### ASSIGNMENT
What lines of the data hold the string "OverallDepth"? Pull each one out.

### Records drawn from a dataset
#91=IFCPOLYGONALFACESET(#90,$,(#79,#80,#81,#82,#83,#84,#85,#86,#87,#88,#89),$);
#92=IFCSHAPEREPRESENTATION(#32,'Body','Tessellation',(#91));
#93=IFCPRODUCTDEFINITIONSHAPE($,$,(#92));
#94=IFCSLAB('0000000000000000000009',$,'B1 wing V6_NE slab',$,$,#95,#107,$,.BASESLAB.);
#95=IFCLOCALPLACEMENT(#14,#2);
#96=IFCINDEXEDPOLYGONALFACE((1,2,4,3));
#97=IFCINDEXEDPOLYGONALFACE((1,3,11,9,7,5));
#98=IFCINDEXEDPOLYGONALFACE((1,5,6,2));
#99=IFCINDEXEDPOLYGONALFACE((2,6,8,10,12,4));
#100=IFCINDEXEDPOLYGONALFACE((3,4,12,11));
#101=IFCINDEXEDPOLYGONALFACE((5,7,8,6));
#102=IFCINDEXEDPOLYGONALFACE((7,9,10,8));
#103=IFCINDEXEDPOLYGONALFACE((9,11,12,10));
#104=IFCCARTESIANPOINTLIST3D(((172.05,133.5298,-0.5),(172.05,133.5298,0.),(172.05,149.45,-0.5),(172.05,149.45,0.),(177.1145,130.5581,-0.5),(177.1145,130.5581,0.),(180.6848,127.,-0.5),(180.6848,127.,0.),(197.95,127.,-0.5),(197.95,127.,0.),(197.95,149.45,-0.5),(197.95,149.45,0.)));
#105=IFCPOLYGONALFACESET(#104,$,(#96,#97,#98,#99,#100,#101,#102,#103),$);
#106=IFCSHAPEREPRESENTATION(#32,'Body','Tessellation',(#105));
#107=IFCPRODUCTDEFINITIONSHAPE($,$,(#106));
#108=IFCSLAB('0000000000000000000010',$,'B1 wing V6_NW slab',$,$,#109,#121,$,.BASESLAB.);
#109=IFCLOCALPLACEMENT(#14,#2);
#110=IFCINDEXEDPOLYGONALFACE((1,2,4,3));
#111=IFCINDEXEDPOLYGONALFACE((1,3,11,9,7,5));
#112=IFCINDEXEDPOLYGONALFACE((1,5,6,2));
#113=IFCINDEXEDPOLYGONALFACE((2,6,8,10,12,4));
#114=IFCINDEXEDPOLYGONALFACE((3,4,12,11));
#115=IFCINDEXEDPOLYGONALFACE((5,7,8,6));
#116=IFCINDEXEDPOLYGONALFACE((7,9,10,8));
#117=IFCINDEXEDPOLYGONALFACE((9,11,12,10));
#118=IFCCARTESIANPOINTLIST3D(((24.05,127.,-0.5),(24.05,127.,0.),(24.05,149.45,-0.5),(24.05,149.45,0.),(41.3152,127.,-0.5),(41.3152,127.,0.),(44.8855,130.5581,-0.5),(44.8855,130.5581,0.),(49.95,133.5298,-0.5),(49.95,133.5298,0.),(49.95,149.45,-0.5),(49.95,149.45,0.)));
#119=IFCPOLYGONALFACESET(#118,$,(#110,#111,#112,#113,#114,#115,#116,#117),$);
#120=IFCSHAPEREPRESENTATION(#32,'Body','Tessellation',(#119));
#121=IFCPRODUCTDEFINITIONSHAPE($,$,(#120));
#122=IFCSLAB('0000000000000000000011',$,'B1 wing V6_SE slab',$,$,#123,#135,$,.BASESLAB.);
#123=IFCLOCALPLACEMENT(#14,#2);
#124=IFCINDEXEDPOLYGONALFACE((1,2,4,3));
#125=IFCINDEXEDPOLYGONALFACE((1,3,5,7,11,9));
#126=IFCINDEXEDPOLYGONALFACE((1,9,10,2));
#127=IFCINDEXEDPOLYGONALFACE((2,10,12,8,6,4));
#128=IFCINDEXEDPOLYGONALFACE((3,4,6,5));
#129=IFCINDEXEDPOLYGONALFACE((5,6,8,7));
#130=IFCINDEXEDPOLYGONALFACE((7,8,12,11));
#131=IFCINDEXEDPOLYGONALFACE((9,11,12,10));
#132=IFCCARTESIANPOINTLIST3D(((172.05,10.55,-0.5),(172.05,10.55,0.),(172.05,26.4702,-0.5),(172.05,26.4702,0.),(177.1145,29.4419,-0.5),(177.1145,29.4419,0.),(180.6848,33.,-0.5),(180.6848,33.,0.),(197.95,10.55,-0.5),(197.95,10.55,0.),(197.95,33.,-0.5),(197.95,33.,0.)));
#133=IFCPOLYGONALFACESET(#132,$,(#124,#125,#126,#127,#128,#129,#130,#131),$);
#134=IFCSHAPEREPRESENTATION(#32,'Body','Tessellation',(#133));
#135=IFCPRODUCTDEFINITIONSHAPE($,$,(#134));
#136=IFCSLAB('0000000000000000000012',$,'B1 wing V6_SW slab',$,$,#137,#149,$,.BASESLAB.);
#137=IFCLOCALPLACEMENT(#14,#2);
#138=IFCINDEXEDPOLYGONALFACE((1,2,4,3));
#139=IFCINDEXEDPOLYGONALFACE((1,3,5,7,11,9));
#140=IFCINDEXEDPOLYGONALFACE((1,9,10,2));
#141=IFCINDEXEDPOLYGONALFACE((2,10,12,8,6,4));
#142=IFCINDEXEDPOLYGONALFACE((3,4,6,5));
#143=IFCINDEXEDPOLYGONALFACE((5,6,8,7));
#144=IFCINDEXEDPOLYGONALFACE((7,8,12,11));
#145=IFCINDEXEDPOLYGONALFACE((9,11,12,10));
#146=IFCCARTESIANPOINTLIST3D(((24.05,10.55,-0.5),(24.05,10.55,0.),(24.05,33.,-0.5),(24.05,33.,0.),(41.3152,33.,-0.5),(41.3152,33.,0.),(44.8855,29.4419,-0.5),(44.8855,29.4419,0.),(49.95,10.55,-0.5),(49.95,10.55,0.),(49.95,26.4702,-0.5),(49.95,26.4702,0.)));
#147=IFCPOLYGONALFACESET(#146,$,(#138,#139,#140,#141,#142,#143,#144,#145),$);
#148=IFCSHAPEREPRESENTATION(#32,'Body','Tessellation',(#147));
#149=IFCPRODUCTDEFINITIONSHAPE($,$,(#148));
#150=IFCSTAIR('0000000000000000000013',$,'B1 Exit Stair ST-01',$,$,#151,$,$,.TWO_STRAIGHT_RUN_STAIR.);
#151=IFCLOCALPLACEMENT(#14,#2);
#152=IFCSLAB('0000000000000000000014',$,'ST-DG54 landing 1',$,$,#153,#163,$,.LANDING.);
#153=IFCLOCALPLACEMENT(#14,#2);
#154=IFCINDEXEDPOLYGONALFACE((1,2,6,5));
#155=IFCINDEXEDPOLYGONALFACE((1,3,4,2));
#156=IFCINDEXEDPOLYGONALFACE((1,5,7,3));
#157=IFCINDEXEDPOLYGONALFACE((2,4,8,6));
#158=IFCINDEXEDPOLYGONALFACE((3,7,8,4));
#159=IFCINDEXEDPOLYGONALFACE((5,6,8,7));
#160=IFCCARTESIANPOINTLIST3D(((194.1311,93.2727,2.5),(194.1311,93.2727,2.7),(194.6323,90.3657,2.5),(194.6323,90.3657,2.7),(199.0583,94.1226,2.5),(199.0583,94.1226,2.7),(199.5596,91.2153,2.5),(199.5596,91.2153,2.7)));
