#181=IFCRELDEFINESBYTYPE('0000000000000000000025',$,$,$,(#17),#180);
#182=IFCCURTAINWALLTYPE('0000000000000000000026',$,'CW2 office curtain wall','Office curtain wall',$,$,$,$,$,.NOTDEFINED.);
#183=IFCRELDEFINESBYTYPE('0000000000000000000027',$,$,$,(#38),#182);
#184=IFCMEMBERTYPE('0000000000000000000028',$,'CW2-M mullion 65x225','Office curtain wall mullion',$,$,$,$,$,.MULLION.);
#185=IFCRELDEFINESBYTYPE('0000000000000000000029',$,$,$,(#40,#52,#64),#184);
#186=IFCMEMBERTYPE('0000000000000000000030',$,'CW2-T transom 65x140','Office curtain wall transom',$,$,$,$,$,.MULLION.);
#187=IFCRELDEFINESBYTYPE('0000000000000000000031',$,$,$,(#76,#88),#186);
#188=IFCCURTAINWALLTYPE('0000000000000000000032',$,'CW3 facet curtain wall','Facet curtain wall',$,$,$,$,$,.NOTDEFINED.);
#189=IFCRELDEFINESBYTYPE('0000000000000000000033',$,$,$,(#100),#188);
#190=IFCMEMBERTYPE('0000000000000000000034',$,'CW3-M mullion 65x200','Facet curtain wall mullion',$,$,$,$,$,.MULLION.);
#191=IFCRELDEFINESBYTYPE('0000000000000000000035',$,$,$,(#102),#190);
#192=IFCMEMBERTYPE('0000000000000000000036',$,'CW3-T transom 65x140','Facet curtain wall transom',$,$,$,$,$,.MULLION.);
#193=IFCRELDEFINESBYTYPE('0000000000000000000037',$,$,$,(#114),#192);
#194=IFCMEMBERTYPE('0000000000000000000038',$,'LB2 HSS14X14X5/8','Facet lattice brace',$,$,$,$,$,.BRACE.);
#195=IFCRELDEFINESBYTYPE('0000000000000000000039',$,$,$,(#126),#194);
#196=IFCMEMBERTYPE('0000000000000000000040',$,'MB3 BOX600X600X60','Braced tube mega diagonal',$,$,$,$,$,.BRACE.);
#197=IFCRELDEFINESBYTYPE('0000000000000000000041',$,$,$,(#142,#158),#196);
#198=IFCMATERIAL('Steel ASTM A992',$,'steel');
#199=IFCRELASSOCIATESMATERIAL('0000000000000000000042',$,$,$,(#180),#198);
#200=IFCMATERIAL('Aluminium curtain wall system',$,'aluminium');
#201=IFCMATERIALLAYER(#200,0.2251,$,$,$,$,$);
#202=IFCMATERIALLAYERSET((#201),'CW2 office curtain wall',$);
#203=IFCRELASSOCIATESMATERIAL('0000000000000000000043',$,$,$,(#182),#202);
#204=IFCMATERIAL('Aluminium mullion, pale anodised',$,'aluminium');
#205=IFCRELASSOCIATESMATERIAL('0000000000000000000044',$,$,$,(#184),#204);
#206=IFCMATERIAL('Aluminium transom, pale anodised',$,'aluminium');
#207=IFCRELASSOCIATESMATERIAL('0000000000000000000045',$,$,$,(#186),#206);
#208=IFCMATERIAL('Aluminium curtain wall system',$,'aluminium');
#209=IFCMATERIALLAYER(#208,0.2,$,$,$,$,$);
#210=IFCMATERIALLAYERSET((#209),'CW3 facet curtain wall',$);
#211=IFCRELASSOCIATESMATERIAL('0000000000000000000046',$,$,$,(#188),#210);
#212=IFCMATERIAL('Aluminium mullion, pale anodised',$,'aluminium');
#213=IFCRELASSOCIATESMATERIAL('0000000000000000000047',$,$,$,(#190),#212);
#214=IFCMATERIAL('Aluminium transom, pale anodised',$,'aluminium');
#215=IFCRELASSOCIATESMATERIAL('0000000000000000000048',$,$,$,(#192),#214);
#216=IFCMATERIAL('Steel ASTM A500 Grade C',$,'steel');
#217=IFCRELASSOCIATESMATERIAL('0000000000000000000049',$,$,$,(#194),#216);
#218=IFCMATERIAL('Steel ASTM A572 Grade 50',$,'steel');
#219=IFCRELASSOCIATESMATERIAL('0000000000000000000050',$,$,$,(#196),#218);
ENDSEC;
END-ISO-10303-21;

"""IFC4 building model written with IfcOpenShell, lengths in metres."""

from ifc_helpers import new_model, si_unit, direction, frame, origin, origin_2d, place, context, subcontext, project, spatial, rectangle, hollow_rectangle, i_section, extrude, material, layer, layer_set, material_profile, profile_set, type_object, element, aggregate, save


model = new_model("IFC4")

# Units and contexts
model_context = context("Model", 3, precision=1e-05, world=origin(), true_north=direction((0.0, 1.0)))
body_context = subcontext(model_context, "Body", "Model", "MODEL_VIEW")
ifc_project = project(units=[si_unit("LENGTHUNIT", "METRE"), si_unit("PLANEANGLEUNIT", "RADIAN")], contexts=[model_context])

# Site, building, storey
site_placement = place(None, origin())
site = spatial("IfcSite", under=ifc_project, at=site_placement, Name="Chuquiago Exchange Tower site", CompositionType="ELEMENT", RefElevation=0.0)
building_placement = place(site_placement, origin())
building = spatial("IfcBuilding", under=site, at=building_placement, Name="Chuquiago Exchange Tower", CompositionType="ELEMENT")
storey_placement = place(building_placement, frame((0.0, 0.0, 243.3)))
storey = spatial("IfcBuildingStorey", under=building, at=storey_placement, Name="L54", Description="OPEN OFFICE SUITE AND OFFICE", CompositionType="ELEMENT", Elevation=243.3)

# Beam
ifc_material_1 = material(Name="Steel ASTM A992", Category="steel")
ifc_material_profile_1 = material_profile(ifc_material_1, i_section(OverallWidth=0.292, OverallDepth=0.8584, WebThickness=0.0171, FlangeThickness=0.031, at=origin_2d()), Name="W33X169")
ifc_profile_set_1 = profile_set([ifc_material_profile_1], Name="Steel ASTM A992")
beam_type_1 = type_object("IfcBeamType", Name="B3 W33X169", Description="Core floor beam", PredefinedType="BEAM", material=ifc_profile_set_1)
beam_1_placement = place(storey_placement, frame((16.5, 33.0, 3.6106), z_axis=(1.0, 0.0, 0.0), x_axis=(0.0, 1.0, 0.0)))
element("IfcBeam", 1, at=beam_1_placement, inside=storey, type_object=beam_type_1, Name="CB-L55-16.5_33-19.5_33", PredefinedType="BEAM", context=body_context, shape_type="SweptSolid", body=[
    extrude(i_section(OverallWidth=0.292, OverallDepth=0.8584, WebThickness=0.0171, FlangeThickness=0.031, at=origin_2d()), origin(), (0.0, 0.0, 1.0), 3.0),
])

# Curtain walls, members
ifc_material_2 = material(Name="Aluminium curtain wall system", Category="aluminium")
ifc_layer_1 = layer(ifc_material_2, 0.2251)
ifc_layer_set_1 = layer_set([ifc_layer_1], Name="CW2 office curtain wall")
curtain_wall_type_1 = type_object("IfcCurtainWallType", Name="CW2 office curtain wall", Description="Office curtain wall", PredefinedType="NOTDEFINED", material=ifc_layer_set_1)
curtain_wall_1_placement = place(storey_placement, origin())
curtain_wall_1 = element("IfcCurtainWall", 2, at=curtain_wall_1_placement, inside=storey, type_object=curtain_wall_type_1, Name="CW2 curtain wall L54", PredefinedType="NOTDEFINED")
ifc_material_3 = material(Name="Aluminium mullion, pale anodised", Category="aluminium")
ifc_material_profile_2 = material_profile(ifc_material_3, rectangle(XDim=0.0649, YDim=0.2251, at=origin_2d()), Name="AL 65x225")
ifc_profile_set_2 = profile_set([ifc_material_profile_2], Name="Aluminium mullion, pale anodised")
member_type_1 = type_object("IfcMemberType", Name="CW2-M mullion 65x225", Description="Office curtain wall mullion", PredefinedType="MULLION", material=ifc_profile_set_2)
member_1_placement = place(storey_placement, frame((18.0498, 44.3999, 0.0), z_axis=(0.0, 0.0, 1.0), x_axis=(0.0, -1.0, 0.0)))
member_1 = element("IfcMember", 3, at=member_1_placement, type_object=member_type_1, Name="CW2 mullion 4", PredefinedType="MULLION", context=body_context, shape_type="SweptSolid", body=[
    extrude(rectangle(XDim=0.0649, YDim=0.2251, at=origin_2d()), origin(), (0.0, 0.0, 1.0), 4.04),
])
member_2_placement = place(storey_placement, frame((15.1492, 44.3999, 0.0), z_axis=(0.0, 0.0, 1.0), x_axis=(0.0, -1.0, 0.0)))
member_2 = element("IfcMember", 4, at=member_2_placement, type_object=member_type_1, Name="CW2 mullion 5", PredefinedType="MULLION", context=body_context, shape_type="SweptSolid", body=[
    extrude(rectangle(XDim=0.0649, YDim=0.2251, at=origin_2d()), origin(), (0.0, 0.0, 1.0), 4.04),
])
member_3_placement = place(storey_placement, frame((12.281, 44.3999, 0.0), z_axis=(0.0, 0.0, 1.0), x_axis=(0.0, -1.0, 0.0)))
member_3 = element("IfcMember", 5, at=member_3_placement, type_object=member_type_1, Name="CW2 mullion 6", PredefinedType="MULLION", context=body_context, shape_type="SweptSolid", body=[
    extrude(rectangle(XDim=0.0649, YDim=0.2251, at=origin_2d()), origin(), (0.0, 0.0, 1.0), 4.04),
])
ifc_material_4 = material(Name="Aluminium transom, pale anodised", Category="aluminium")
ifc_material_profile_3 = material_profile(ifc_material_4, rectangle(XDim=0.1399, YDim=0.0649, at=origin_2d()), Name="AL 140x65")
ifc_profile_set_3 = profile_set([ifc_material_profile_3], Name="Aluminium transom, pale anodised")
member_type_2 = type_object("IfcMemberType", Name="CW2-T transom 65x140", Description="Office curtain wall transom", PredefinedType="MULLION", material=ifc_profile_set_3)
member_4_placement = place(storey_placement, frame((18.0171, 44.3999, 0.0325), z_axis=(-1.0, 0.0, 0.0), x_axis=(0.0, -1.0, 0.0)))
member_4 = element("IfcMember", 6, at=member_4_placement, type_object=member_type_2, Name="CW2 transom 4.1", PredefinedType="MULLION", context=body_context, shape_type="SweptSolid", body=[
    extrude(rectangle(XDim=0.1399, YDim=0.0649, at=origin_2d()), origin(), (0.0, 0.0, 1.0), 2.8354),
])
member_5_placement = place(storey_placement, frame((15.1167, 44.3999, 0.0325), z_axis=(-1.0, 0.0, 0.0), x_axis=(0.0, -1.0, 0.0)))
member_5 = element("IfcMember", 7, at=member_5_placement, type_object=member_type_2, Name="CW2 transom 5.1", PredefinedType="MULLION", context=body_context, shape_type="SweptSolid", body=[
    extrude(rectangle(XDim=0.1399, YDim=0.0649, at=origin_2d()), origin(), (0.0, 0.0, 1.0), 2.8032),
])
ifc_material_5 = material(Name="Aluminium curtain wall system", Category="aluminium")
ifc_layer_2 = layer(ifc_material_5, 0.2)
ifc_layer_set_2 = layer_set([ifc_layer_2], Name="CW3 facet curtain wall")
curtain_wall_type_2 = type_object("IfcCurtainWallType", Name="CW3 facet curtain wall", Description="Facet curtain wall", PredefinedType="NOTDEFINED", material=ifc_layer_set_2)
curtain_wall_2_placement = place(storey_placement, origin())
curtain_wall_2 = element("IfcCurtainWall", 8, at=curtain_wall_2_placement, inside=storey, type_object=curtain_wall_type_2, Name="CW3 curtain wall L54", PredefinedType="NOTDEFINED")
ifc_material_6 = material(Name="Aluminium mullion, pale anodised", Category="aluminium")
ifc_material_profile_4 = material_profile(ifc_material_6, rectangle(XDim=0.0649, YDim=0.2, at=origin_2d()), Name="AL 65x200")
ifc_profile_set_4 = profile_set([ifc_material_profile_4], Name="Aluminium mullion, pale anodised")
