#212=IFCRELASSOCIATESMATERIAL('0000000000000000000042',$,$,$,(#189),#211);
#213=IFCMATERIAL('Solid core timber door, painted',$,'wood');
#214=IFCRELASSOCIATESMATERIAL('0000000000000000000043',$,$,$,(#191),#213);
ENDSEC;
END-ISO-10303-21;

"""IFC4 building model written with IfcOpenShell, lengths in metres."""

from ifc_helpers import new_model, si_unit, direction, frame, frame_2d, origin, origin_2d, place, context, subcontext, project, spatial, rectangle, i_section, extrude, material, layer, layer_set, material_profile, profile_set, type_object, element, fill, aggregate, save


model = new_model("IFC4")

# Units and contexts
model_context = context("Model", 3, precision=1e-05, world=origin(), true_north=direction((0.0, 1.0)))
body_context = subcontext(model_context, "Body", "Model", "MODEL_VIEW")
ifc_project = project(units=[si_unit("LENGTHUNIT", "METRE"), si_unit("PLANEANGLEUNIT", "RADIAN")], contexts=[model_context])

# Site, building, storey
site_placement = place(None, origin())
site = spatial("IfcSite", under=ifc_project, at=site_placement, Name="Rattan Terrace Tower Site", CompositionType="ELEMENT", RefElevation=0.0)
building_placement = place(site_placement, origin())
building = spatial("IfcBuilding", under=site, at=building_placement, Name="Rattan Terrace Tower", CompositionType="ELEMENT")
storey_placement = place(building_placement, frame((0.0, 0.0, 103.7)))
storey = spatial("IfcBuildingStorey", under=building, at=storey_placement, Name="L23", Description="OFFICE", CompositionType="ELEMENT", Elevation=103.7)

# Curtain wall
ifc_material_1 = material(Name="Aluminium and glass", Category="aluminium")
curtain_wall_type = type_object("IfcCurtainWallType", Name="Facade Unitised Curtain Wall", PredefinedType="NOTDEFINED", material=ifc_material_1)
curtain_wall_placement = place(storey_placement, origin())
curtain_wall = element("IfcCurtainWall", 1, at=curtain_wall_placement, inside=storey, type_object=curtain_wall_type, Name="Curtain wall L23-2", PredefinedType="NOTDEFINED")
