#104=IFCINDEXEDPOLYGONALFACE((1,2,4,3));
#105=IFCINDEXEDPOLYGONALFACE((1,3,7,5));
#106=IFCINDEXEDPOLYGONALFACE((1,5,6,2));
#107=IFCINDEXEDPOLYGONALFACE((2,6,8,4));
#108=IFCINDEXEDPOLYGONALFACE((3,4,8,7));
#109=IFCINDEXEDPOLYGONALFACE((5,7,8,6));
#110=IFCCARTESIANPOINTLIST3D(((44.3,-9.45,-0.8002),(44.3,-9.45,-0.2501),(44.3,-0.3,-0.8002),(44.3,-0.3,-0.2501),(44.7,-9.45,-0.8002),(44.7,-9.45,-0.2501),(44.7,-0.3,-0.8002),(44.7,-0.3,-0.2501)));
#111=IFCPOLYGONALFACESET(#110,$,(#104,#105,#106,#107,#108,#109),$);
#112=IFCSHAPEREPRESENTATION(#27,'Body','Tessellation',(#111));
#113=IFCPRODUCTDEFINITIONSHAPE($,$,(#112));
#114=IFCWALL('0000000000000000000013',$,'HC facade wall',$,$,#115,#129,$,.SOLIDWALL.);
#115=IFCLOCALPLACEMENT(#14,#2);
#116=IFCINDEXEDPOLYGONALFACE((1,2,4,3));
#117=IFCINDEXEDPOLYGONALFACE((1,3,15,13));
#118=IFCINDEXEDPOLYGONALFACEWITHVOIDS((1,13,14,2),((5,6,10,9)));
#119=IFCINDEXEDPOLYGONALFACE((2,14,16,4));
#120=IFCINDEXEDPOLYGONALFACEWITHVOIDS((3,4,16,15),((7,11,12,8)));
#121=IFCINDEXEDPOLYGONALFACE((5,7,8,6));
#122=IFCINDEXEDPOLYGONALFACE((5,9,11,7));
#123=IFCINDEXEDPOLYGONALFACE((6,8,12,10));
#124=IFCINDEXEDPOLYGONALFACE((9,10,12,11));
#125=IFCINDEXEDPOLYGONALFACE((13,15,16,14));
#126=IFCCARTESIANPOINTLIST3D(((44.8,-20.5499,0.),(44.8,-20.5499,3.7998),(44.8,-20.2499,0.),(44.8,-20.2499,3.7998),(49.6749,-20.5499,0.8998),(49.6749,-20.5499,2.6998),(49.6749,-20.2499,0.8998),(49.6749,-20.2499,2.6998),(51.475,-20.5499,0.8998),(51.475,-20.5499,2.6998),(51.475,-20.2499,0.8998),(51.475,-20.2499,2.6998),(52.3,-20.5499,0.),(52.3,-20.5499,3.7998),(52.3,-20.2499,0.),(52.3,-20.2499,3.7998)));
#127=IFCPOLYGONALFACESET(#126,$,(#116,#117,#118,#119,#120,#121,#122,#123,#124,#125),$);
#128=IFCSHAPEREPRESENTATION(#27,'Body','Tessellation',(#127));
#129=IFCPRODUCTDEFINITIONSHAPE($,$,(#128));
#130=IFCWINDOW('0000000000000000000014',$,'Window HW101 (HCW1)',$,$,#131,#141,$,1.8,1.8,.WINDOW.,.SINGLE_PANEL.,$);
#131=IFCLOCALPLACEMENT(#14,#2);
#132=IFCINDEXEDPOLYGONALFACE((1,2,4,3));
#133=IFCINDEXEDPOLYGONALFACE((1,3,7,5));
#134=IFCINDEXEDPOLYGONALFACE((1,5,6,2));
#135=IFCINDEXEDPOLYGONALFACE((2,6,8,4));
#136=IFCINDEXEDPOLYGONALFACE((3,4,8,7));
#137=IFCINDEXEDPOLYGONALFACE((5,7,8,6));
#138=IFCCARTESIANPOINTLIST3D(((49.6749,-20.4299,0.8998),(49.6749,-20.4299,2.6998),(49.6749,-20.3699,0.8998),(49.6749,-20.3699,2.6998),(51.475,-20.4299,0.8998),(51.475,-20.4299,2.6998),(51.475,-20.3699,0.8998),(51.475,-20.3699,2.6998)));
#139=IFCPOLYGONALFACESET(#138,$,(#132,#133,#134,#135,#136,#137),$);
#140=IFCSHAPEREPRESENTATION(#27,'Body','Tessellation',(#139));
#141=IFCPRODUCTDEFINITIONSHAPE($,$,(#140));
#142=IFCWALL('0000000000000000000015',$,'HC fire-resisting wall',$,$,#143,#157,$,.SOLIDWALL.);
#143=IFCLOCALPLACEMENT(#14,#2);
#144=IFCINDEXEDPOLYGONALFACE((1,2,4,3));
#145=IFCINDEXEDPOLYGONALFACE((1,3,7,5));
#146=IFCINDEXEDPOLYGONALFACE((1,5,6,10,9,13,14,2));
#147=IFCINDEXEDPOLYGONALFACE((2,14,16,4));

### ANSWER TO THIS EXERCISE
ifc_material_profile_1 = material_profile(ifc_material_1, i_section(OverallWidth=0.292, OverallDepth=0.8584, WebThickness=0.0171, FlangeThickness=0.031, at=origin_2d()), Name="W33X169")
    extrude(i_section(OverallWidth=0.292, OverallDepth=0.8584, WebThickness=0.0171, FlangeThickness=0.031, at=origin_2d()), origin(), (0.0, 0.0, 1.0), 3.0),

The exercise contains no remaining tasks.